WHAT IS BEING ASKED
The data below holds the lines to copy: everything from the line containing "from ifc_helpers import" to the line containing "frame((0.0, 0.0, 318.2)))", both ends included, set down exactly.

EXTRACTED ENTRIES

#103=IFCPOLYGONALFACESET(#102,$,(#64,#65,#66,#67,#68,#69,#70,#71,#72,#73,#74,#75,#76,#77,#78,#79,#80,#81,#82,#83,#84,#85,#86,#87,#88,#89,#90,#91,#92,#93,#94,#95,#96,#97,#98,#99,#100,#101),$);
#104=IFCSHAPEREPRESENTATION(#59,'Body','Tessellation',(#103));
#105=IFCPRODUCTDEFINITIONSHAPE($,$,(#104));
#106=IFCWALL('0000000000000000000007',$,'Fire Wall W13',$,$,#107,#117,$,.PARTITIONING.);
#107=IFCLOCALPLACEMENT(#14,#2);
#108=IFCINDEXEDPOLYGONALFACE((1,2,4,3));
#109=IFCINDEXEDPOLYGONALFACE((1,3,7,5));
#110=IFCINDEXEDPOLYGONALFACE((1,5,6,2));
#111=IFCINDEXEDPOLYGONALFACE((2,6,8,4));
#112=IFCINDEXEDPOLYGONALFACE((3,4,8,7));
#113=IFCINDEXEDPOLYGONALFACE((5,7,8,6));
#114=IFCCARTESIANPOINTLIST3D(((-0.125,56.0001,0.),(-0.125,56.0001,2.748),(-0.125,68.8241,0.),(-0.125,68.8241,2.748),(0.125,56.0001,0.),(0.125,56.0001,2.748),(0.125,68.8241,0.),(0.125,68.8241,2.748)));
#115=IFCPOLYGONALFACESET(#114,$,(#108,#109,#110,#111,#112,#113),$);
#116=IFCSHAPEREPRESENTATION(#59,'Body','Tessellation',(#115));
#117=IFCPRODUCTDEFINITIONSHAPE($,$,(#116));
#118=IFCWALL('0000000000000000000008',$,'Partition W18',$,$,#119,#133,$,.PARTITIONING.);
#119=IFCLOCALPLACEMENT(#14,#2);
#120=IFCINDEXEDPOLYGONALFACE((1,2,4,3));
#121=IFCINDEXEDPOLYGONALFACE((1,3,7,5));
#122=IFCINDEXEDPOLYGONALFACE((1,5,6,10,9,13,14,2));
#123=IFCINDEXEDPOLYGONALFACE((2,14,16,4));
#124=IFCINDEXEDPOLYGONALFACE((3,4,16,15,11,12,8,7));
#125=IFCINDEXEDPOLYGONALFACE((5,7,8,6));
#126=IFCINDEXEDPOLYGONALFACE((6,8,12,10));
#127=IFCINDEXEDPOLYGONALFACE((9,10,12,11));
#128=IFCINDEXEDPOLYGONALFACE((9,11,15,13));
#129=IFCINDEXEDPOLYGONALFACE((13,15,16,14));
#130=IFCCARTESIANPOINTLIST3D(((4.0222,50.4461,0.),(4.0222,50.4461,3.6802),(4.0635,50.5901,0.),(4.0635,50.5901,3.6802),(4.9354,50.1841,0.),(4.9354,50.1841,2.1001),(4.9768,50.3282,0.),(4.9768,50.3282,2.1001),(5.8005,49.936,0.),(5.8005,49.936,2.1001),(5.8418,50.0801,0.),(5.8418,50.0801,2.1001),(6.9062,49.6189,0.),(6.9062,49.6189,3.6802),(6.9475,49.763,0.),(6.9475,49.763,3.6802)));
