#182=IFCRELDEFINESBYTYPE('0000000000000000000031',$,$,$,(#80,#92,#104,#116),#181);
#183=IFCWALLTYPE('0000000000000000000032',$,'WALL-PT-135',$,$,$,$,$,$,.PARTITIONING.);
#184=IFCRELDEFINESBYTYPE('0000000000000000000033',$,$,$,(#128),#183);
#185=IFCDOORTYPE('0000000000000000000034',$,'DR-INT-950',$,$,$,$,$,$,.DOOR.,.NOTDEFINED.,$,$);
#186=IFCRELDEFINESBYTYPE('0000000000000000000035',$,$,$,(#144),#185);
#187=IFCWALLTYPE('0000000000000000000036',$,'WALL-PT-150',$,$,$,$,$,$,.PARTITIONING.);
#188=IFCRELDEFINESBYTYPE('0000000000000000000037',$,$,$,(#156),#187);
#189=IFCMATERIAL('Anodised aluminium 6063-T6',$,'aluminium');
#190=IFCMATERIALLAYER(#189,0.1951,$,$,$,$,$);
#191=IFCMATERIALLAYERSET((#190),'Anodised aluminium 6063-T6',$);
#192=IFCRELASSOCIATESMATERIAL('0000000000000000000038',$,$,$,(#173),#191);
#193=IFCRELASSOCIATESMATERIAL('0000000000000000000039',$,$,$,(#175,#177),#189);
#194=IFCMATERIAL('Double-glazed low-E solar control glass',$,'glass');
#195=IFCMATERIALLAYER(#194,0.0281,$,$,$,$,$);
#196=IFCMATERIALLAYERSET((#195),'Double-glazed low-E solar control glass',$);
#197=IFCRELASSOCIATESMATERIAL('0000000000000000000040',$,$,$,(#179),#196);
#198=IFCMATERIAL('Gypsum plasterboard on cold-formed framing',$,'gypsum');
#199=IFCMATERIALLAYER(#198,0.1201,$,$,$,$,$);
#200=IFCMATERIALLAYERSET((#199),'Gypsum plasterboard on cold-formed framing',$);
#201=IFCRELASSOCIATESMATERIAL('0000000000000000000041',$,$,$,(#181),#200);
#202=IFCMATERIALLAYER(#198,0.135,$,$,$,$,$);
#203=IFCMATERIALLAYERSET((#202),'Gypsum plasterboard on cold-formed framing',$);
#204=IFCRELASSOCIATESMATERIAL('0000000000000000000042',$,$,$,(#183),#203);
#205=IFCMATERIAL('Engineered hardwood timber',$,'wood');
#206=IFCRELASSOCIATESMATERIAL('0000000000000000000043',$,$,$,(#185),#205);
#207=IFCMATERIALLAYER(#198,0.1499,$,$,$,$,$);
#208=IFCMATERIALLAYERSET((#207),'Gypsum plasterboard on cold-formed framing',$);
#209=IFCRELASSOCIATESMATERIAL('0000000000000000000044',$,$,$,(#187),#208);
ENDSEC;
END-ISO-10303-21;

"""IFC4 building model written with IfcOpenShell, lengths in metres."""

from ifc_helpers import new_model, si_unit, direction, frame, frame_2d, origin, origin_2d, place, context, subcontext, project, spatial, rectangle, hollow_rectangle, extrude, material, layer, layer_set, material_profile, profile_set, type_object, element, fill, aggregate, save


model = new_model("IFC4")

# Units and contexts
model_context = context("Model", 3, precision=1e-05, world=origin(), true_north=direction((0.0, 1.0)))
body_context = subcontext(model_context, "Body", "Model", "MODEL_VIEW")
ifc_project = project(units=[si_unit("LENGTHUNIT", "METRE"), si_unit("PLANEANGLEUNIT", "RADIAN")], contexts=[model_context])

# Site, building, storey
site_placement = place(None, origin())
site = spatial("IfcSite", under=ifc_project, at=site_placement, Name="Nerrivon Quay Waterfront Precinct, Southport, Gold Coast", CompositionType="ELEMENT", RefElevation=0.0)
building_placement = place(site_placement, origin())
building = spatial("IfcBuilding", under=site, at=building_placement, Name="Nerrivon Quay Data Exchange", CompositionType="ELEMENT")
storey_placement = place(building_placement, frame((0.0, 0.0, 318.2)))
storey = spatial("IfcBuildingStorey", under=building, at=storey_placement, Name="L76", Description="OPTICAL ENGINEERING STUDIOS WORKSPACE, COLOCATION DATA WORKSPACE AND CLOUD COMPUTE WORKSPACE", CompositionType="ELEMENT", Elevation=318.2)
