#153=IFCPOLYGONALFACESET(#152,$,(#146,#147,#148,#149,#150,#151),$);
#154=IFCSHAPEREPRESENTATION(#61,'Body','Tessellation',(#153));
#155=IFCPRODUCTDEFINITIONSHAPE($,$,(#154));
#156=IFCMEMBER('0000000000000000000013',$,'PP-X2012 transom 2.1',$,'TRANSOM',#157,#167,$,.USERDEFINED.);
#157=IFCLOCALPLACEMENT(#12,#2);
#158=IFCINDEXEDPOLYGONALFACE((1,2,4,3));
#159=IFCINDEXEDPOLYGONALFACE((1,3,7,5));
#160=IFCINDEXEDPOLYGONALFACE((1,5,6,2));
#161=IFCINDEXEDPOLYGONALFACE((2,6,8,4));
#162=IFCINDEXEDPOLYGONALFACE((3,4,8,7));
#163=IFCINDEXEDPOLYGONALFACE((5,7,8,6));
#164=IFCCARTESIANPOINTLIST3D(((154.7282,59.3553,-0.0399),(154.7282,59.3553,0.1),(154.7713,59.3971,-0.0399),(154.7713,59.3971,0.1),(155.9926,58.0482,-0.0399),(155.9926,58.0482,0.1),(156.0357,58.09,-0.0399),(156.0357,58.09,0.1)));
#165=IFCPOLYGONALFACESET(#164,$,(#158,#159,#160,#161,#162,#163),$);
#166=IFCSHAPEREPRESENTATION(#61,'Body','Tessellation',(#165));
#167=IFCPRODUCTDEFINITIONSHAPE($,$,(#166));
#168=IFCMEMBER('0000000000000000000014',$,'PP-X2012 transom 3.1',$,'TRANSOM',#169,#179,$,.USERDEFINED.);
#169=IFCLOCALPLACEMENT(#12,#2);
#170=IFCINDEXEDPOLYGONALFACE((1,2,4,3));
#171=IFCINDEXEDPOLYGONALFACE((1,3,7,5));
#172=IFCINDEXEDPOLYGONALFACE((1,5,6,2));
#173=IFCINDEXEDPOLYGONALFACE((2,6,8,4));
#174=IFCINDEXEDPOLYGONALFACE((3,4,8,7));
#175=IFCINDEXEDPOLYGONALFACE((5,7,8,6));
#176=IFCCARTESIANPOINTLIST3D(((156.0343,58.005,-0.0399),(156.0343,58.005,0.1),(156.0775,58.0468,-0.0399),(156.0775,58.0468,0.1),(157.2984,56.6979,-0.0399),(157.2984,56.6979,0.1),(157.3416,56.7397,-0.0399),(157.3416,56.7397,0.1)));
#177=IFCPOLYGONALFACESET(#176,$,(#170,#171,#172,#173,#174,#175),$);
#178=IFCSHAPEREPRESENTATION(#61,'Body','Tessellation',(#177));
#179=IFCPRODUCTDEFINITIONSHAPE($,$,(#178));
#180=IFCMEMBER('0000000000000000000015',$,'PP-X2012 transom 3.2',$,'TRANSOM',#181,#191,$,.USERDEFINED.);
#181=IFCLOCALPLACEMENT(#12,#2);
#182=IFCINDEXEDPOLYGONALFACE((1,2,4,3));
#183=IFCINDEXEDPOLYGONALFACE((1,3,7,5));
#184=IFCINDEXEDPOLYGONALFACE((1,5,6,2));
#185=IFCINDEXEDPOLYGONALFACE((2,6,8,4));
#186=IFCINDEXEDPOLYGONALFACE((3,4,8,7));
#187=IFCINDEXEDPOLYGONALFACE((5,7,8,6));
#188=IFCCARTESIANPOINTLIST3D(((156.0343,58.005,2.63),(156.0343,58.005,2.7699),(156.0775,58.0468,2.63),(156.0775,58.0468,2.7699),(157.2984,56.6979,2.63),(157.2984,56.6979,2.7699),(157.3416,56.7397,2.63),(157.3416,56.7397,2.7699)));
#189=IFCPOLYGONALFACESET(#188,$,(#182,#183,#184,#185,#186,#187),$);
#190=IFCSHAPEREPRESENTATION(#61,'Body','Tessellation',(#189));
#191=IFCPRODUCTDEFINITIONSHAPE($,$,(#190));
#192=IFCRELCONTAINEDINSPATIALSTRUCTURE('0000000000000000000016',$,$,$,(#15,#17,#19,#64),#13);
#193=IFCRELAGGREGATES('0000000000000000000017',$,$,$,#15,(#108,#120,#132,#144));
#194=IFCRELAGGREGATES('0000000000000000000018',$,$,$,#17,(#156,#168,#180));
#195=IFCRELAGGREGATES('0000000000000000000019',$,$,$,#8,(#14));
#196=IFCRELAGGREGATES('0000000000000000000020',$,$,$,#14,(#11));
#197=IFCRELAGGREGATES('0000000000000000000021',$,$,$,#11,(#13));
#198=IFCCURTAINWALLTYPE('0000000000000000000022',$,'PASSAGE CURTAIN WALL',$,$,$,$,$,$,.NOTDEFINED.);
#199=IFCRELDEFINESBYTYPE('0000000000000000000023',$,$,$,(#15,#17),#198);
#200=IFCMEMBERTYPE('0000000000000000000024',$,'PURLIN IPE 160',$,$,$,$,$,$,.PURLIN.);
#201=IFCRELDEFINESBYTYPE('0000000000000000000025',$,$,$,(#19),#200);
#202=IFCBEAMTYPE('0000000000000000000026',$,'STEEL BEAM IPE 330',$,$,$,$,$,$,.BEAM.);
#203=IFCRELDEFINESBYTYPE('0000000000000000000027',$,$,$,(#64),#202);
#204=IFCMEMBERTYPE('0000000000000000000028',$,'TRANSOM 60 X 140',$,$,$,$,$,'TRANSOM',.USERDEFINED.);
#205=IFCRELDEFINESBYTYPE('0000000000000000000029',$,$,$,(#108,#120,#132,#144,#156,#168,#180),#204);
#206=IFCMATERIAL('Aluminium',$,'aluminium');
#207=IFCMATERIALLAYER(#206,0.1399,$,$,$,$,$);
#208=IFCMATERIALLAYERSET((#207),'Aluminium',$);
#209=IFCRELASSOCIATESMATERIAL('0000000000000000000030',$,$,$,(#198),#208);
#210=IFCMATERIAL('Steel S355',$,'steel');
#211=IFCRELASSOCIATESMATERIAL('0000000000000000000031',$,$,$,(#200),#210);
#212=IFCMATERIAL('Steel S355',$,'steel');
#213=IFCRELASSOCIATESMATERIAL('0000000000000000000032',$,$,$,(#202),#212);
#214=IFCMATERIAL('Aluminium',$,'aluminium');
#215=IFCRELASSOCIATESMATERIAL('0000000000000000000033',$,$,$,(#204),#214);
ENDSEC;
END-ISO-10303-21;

WORKED SOLUTION
from ifc_helpers import new_model, si_unit, direction, frame, frame_2d, origin, origin_2d, place, context, subcontext, project, spatial, rectangle, hollow_rectangle, extrude, material, layer, layer_set, material_profile, profile_set, type_object, element, fill, aggregate, save


model = new_model("IFC4")

# Units and contexts
model_context = context("Model", 3, precision=1e-05, world=origin(), true_north=direction((0.0, 1.0)))
body_context = subcontext(model_context, "Body", "Model", "MODEL_VIEW")
ifc_project = project(units=[si_unit("LENGTHUNIT", "METRE"), si_unit("PLANEANGLEUNIT", "RADIAN")], contexts=[model_context])

# Site, building, storey
site_placement = place(None, origin())
site = spatial("IfcSite", under=ifc_project, at=site_placement, Name="Nerrivon Quay Waterfront Precinct, Southport, Gold Coast", CompositionType="ELEMENT", RefElevation=0.0)
building_placement = place(site_placement, origin())
building = spatial("IfcBuilding", under=site, at=building_placement, Name="Nerrivon Quay Data Exchange", CompositionType="ELEMENT")
storey_placement = place(building_placement, frame((0.0, 0.0, 318.2)))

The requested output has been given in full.